(Stored data entries)
------
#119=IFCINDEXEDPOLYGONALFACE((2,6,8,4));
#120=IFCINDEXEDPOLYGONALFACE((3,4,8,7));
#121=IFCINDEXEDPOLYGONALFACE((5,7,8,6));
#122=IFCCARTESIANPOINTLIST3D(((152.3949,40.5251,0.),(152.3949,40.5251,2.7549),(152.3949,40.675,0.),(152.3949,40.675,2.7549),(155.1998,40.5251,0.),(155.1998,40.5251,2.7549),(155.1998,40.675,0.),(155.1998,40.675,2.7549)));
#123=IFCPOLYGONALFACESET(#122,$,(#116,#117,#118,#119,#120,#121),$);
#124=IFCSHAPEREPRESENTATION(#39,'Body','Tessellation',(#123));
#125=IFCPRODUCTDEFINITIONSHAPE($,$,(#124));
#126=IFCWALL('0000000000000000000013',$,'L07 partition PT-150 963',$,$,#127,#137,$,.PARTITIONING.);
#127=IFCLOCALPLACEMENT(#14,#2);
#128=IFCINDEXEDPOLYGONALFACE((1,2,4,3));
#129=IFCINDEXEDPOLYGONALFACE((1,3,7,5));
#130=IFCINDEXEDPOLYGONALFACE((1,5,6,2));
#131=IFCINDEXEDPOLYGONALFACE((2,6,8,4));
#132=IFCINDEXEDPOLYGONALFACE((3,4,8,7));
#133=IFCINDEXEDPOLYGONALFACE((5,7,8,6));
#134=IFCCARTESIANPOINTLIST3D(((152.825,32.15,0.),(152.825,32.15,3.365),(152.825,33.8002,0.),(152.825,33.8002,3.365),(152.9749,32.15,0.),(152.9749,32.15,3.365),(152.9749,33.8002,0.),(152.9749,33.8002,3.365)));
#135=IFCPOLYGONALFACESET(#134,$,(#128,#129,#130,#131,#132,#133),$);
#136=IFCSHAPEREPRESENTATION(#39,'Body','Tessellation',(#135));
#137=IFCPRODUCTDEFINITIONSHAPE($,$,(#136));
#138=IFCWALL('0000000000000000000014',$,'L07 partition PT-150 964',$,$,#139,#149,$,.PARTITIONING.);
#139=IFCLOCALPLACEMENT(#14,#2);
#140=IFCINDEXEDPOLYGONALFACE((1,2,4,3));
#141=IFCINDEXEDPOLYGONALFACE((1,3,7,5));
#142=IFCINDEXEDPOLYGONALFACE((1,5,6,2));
------
## WORK REQUIRED
Looking at the entries above, say how many lines contain the word "Body". Nothing but the number is needed.

## ANSWER TO THE PROBLEM
2